*TASK DETAILS:* Your answer is the lines below, exactly, from the one that contains "#175=IFCMATERIAL('Laminated Low-E insulated" through the one that contains "#40=IFCINDEXEDPOLYGONALFACE((5,7,8,6));", both included.

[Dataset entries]
== Segment start ==

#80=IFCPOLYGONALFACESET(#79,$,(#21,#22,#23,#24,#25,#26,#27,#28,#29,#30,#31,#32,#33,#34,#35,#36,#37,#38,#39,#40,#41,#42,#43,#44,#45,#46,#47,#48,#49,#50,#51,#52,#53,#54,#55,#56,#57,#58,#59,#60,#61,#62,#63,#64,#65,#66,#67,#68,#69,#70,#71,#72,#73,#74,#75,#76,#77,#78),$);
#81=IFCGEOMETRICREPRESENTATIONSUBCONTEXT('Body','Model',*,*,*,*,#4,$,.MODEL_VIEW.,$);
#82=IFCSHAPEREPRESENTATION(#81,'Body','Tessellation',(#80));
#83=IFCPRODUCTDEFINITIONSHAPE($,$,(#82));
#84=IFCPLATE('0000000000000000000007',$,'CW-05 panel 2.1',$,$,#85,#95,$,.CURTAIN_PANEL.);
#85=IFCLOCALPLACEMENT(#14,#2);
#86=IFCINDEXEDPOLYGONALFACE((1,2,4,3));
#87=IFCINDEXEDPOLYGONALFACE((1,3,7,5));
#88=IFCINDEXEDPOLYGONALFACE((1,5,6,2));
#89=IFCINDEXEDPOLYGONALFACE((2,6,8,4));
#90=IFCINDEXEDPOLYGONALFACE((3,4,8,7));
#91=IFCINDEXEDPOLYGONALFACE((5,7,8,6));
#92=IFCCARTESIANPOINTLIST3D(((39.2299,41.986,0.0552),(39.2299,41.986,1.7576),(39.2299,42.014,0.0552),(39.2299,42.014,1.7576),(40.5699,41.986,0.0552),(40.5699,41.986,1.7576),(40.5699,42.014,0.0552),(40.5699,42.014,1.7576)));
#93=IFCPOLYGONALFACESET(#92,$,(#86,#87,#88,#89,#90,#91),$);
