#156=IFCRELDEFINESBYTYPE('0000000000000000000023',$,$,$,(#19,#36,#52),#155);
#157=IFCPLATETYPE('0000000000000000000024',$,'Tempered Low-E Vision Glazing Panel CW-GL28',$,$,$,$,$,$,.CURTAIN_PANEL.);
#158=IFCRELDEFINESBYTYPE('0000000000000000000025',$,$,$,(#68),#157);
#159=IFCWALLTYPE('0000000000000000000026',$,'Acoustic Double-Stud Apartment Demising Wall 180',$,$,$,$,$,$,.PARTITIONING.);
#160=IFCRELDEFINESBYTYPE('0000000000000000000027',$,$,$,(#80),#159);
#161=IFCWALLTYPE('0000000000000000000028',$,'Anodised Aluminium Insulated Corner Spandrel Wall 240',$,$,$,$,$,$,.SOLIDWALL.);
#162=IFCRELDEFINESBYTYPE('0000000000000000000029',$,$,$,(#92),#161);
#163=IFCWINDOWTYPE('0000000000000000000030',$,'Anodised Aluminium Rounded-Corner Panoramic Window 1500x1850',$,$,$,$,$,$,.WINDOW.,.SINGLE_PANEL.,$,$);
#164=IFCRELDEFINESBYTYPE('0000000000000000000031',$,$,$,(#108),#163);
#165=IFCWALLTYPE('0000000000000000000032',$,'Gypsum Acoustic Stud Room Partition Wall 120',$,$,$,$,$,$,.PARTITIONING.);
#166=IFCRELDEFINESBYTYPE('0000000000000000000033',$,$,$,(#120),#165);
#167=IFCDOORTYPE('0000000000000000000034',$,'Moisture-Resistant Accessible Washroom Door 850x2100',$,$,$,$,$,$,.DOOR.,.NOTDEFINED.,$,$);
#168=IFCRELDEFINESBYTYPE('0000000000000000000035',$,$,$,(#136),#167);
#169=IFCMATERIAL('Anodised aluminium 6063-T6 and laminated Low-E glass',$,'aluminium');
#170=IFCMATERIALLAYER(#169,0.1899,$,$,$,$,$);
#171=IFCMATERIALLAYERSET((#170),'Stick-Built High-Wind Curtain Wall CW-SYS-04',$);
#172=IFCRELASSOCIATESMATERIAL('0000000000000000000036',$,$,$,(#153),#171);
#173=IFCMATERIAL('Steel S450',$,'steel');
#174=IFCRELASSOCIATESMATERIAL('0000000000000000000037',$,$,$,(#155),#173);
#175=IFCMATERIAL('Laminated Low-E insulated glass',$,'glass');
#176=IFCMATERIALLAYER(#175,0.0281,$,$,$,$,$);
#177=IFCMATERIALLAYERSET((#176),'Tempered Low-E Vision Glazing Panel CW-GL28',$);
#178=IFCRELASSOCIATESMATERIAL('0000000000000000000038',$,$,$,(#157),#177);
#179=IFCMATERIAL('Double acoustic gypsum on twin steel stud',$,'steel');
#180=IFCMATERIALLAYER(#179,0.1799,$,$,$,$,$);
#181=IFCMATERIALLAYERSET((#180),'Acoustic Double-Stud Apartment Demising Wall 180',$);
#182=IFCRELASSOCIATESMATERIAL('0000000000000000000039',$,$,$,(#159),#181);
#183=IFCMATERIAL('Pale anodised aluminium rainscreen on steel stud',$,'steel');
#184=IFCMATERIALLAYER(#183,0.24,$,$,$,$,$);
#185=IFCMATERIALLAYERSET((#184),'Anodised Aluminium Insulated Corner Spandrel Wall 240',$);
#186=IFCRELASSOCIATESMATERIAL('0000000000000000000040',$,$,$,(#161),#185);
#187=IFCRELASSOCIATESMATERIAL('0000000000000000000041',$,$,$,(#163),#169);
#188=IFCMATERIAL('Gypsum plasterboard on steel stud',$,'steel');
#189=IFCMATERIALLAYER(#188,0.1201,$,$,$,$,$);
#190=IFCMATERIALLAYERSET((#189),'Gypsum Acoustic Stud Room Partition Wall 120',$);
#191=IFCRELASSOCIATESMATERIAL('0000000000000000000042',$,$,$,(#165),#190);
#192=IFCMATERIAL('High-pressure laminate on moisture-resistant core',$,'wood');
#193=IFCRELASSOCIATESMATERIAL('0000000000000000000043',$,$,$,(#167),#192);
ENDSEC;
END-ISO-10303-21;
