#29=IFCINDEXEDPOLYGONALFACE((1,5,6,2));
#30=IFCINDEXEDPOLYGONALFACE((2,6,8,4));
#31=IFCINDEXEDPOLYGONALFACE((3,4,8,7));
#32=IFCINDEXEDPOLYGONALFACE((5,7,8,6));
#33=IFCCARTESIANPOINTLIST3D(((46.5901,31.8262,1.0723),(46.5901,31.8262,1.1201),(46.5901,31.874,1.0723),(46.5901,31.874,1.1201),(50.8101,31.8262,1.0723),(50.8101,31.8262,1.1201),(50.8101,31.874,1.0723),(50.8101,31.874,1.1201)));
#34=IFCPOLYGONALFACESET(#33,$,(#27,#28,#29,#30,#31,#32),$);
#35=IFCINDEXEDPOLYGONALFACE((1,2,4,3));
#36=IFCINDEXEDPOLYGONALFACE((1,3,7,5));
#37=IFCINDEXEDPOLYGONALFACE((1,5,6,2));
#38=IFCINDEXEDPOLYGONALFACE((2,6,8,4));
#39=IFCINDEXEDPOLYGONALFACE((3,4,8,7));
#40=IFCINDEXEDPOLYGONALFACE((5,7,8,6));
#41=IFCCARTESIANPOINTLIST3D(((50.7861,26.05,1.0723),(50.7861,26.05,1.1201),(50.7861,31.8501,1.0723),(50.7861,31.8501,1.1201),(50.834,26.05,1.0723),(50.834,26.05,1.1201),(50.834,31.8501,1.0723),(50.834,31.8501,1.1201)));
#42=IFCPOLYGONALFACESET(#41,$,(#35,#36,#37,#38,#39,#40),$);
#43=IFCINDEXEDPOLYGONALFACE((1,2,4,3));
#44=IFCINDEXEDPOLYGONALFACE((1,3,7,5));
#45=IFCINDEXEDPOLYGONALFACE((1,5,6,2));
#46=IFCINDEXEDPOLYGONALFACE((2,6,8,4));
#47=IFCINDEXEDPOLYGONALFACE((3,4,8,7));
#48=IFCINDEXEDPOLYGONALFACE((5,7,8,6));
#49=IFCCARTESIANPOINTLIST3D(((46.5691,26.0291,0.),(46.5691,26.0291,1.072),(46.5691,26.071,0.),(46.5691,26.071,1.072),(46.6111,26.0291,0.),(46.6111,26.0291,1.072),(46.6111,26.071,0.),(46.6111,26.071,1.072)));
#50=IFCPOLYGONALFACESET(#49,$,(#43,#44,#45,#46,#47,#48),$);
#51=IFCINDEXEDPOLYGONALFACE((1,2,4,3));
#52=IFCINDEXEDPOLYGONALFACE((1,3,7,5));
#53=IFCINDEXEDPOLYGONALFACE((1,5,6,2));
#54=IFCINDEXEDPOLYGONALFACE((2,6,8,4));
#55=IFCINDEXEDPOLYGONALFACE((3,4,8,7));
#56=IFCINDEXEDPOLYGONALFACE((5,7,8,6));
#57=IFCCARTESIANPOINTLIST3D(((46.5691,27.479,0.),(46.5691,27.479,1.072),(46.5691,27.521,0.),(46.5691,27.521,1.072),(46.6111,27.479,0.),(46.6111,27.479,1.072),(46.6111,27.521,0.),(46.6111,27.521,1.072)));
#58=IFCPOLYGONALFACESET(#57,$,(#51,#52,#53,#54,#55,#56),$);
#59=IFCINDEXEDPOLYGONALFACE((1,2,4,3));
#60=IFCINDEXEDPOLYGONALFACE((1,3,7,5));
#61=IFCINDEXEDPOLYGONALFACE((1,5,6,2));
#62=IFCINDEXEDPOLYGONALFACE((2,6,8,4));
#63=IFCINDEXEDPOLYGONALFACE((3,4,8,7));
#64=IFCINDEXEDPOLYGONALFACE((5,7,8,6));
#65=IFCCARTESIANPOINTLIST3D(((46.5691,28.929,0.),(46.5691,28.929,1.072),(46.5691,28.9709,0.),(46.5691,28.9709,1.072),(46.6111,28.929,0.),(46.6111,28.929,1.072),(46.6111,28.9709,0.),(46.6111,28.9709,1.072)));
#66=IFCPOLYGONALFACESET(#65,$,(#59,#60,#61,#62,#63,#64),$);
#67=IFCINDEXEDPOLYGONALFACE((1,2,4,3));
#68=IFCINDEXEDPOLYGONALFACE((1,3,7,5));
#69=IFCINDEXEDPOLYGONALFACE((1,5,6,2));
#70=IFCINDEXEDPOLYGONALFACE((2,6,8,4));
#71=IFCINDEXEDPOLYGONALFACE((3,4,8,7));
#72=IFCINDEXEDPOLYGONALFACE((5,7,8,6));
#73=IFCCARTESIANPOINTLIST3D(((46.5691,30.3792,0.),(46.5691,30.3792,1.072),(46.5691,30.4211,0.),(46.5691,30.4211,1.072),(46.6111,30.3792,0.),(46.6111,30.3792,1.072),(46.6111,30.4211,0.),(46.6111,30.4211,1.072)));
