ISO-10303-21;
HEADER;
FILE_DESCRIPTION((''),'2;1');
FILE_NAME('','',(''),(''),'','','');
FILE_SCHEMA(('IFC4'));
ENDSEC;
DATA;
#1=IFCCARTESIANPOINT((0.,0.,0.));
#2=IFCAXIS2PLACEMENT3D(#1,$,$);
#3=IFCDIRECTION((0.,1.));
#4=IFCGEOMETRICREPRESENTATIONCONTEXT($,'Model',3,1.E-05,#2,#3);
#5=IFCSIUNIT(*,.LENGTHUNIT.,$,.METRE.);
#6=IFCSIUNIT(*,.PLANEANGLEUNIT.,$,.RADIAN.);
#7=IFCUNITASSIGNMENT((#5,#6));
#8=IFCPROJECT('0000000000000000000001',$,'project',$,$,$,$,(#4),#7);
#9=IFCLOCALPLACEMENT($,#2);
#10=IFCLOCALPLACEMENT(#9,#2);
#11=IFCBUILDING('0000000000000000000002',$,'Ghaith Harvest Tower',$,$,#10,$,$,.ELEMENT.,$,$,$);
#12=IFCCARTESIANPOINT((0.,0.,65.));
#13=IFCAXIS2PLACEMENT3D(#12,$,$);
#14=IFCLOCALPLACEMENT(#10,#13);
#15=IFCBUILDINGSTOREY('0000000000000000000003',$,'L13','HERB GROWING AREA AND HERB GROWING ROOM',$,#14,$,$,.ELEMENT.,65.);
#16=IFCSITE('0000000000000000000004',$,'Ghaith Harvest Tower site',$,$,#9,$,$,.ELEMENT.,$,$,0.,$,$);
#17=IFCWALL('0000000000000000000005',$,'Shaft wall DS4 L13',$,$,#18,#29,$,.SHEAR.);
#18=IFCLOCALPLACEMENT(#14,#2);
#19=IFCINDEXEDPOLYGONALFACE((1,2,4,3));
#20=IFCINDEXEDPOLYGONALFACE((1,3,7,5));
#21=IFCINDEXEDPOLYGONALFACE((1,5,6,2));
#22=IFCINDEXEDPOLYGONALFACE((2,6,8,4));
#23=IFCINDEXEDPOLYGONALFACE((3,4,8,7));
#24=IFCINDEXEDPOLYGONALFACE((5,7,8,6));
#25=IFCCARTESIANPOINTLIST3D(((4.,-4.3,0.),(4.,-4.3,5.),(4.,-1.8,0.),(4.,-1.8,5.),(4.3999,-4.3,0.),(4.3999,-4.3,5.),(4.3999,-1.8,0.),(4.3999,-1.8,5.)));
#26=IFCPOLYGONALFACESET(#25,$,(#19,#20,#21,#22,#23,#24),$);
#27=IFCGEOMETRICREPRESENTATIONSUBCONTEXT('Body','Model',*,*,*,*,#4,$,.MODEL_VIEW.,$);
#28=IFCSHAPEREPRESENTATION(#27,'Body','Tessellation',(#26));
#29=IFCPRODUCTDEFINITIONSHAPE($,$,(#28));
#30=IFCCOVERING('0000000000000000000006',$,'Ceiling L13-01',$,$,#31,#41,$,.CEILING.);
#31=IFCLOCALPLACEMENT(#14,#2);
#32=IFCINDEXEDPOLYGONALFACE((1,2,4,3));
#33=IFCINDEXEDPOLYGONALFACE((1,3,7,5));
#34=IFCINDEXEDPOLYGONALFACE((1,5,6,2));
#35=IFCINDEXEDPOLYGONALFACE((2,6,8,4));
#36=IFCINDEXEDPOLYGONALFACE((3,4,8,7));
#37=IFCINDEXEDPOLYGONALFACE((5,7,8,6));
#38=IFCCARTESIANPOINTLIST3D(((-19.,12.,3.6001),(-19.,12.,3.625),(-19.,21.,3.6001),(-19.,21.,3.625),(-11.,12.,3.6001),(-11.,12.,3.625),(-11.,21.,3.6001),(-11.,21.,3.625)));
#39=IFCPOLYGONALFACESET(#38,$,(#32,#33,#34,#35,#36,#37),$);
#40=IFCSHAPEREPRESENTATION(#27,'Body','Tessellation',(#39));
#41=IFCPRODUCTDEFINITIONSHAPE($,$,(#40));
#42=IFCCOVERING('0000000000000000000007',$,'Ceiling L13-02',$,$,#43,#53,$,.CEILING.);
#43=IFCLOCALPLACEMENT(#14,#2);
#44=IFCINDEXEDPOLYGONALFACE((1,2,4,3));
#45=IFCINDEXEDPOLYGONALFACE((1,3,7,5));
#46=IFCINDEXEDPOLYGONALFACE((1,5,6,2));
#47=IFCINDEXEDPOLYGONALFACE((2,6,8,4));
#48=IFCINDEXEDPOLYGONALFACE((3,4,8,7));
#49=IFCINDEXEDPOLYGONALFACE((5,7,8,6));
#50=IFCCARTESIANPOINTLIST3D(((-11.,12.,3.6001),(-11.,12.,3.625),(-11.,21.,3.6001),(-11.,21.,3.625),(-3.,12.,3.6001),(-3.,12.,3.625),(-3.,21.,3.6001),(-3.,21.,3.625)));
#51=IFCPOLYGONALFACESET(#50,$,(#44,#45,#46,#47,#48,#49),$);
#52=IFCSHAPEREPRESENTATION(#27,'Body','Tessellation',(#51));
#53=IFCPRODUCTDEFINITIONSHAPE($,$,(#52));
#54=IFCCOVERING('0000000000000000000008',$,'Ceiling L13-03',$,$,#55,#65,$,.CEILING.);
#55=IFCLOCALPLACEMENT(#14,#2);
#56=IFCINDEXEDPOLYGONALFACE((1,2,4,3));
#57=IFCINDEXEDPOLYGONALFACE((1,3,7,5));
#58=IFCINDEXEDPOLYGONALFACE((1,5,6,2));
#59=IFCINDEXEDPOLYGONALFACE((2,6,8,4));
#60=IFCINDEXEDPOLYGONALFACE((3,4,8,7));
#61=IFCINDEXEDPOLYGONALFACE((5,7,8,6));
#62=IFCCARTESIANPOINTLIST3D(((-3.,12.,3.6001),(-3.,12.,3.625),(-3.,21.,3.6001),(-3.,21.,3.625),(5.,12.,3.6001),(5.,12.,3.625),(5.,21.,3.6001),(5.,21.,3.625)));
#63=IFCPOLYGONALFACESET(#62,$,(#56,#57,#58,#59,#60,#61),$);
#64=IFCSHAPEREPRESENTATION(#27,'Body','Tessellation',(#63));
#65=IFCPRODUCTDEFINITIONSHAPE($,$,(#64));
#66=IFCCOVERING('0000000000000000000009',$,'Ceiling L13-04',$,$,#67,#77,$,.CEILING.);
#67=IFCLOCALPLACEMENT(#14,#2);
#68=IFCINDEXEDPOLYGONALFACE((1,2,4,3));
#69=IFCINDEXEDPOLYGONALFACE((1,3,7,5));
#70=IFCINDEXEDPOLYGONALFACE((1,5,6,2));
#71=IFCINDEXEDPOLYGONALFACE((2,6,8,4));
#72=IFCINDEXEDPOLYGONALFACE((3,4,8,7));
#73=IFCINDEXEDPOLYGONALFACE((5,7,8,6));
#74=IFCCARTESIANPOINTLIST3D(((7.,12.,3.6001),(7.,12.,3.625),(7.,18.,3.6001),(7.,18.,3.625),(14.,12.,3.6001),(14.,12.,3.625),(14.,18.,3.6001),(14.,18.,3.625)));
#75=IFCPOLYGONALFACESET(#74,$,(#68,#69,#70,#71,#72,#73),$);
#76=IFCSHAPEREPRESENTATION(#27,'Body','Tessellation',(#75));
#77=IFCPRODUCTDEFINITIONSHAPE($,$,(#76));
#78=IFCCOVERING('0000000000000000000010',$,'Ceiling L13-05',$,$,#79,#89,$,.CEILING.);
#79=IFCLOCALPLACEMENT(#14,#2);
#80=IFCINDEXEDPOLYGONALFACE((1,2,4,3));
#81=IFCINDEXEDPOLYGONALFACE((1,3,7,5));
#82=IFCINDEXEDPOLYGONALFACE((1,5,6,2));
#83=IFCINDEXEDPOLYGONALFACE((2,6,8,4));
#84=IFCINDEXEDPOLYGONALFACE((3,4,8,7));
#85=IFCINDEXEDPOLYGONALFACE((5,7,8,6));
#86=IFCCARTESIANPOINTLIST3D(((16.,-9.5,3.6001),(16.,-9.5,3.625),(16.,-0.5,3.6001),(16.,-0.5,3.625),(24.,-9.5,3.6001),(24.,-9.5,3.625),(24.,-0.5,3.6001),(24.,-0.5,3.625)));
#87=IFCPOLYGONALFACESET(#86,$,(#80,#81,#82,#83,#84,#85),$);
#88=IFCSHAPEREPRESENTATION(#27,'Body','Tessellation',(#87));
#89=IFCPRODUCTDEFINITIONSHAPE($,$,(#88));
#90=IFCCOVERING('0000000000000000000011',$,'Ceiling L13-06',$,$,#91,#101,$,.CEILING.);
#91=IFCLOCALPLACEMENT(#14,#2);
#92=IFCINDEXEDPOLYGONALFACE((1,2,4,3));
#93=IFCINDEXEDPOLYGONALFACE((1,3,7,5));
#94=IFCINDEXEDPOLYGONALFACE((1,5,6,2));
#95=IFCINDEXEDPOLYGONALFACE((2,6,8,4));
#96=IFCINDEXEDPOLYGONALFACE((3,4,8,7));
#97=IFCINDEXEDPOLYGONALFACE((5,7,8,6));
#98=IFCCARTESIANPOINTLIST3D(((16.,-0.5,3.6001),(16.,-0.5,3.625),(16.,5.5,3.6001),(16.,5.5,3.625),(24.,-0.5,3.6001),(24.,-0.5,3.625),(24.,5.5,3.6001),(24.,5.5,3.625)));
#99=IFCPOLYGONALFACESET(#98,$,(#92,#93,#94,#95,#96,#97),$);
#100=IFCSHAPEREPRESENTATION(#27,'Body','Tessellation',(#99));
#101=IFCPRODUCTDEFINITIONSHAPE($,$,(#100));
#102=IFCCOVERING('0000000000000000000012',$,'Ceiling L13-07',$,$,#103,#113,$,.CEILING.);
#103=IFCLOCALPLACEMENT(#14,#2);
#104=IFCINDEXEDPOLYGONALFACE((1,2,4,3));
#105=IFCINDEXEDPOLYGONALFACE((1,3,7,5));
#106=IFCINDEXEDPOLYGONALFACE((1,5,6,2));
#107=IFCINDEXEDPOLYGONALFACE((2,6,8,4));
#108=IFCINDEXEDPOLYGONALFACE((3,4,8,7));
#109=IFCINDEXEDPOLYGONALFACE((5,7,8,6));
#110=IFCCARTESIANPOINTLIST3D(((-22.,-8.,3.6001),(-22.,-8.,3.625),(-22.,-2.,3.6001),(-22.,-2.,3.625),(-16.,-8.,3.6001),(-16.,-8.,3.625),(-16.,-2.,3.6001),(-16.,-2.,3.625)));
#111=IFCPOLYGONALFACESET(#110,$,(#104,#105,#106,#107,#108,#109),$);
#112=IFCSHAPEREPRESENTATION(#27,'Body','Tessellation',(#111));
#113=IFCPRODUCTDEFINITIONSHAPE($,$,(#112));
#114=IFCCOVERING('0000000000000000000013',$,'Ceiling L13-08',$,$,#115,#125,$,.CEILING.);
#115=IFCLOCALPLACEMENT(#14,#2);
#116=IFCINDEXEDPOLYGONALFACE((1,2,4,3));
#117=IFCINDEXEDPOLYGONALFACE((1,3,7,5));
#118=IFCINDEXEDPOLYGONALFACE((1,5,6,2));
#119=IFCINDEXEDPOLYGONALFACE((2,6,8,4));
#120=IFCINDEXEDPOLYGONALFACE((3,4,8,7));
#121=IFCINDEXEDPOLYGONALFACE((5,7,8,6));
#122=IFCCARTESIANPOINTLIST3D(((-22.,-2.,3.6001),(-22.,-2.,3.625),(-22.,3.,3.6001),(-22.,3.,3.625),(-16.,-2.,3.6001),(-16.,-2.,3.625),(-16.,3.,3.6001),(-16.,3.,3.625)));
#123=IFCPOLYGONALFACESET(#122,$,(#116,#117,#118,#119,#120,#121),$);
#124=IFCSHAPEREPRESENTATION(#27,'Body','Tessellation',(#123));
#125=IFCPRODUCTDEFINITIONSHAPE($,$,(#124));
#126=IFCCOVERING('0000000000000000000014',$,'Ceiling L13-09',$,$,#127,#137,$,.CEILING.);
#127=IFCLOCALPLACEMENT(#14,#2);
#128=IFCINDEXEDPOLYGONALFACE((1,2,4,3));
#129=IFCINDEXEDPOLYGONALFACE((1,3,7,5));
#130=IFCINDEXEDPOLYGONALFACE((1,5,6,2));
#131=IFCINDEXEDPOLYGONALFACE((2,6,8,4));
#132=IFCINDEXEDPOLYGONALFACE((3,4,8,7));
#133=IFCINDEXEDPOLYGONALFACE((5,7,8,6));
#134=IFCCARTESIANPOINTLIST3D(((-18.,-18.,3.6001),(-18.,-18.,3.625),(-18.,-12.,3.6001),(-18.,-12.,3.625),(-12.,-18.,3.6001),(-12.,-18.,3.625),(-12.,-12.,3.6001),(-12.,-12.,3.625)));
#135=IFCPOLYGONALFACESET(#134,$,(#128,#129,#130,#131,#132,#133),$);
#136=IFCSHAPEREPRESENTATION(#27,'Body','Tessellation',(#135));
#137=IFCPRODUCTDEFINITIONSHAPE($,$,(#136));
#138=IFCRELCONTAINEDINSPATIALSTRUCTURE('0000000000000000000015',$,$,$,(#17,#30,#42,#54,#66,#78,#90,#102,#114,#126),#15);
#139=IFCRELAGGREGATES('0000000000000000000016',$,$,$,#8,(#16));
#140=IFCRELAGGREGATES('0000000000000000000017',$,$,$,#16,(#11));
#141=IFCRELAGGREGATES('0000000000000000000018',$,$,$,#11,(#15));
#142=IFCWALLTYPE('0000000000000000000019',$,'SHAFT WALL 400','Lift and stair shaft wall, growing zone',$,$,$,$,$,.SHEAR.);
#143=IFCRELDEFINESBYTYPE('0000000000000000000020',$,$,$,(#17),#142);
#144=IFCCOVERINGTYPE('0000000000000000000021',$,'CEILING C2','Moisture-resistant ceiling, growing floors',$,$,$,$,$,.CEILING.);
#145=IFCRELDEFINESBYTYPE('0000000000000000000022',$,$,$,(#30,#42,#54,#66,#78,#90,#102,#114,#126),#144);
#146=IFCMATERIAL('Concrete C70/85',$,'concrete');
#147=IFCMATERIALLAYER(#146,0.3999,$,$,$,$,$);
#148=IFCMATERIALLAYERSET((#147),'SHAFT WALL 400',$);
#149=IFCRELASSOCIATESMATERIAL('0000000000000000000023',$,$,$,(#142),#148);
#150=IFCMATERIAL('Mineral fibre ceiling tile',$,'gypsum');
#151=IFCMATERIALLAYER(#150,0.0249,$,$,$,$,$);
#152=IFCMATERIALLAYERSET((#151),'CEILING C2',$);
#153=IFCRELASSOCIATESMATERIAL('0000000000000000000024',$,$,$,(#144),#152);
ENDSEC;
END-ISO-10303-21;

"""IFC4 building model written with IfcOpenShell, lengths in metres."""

from ifc_helpers import new_model, si_unit, direction, frame, frame_2d, origin, place, context, subcontext, project, spatial, polyline, rectangle, outline, extrude, material, layer, layer_set, type_object, element, save


model = new_model("IFC4")

# Units and contexts
model_context = context("Model", 3, precision=1e-05, world=origin(), true_north=direction((0.0, 1.0)))
body_context = subcontext(model_context, "Body", "Model", "MODEL_VIEW")
ifc_project = project(units=[si_unit("LENGTHUNIT", "METRE"), si_unit("PLANEANGLEUNIT", "RADIAN")], contexts=[model_context])

# Site, building, storey
site_placement = place(None, origin())
site = spatial("IfcSite", under=ifc_project, at=site_placement, Name="Ghaith Harvest Tower site", CompositionType="ELEMENT", RefElevation=0.0)
building_placement = place(site_placement, origin())
building = spatial("IfcBuilding", under=site, at=building_placement, Name="Ghaith Harvest Tower", CompositionType="ELEMENT")
storey_placement = place(building_placement, frame((0.0, 0.0, 65.0)))
storey = spatial("IfcBuildingStorey", under=building, at=storey_placement, Name="L13", Description="HERB GROWING AREA AND HERB GROWING ROOM", CompositionType="ELEMENT", Elevation=65.0)

# Shared definitions
ifc_material_1 = material(Name="Concrete C70/85", Category="concrete")
ifc_layer_1 = layer(ifc_material_1, 0.3999)
ifc_layer_set_1 = layer_set([ifc_layer_1], Name="SHAFT WALL 400")
wall_type_1 = type_object("IfcWallType", Name="SHAFT WALL 400", Description="Lift and stair shaft wall, growing zone", PredefinedType="SHEAR", material=ifc_layer_set_1)

# Wall
for number, where, z_axis, x_axis, name in (
    (1, (4.2, -4.3, 0.0), (0.0, 0.0, 1.0), (0.0, 1.0, 0.0), "Shaft wall DS4 L13"),
):
    element("IfcWall", number, at=place(storey_placement, frame(where, z_axis=z_axis, x_axis=x_axis)), inside=storey, type_object=wall_type_1, Name=name, PredefinedType="SHEAR", context=body_context, shape_type="SweptSolid", body=[
        extrude(rectangle(XDim=2.5, YDim=0.3999, at=frame_2d((1.25, 0.0))), origin(), (0.0, 0.0, 1.0), 5.0),
    ])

== Segment end ==

*FINISHED EXERCISE:*
#175=IFCMATERIAL('Laminated Low-E insulated glass',$,'glass');
#176=IFCMATERIALLAYER(#175,0.0281,$,$,$,$,$);
#177=IFCMATERIALLAYERSET((#176),'Tempered Low-E Vision Glazing Panel CW-GL28',$);
#178=IFCRELASSOCIATESMATERIAL('0000000000000000000038',$,$,$,(#157),#177);
#179=IFCMATERIAL('Double acoustic gypsum on twin steel stud',$,'steel');
#180=IFCMATERIALLAYER(#179,0.1799,$,$,$,$,$);
#181=IFCMATERIALLAYERSET((#180),'Acoustic Double-Stud Apartment Demising Wall 180',$);
#182=IFCRELASSOCIATESMATERIAL('0000000000000000000039',$,$,$,(#159),#181);
#183=IFCMATERIAL('Pale anodised aluminium rainscreen on steel stud',$,'steel');
#184=IFCMATERIALLAYER(#183,0.24,$,$,$,$,$);
#185=IFCMATERIALLAYERSET((#184),'Anodised Aluminium Insulated Corner Spandrel Wall 240',$);
#186=IFCRELASSOCIATESMATERIAL('0000000000000000000040',$,$,$,(#161),#185);
#187=IFCRELASSOCIATESMATERIAL('0000000000000000000041',$,$,$,(#163),#169);
#188=IFCMATERIAL('Gypsum plasterboard on steel stud',$,'steel');
#189=IFCMATERIALLAYER(#188,0.1201,$,$,$,$,$);
#190=IFCMATERIALLAYERSET((#189),'Gypsum Acoustic Stud Room Partition Wall 120',$);
#191=IFCRELASSOCIATESMATERIAL('0000000000000000000042',$,$,$,(#165),#190);
#192=IFCMATERIAL('High-pressure laminate on moisture-resistant core',$,'wood');
#193=IFCRELASSOCIATESMATERIAL('0000000000000000000043',$,$,$,(#167),#192);
ENDSEC;
END-ISO-10303-21;
#29=IFCINDEXEDPOLYGONALFACE((1,5,6,2));
#30=IFCINDEXEDPOLYGONALFACE((2,6,8,4));
#31=IFCINDEXEDPOLYGONALFACE((3,4,8,7));
#32=IFCINDEXEDPOLYGONALFACE((5,7,8,6));
#33=IFCCARTESIANPOINTLIST3D(((46.5901,31.8262,1.0723),(46.5901,31.8262,1.1201),(46.5901,31.874,1.0723),(46.5901,31.874,1.1201),(50.8101,31.8262,1.0723),(50.8101,31.8262,1.1201),(50.8101,31.874,1.0723),(50.8101,31.874,1.1201)));
#34=IFCPOLYGONALFACESET(#33,$,(#27,#28,#29,#30,#31,#32),$);
#35=IFCINDEXEDPOLYGONALFACE((1,2,4,3));
#36=IFCINDEXEDPOLYGONALFACE((1,3,7,5));
#37=IFCINDEXEDPOLYGONALFACE((1,5,6,2));
#38=IFCINDEXEDPOLYGONALFACE((2,6,8,4));
#39=IFCINDEXEDPOLYGONALFACE((3,4,8,7));
#40=IFCINDEXEDPOLYGONALFACE((5,7,8,6));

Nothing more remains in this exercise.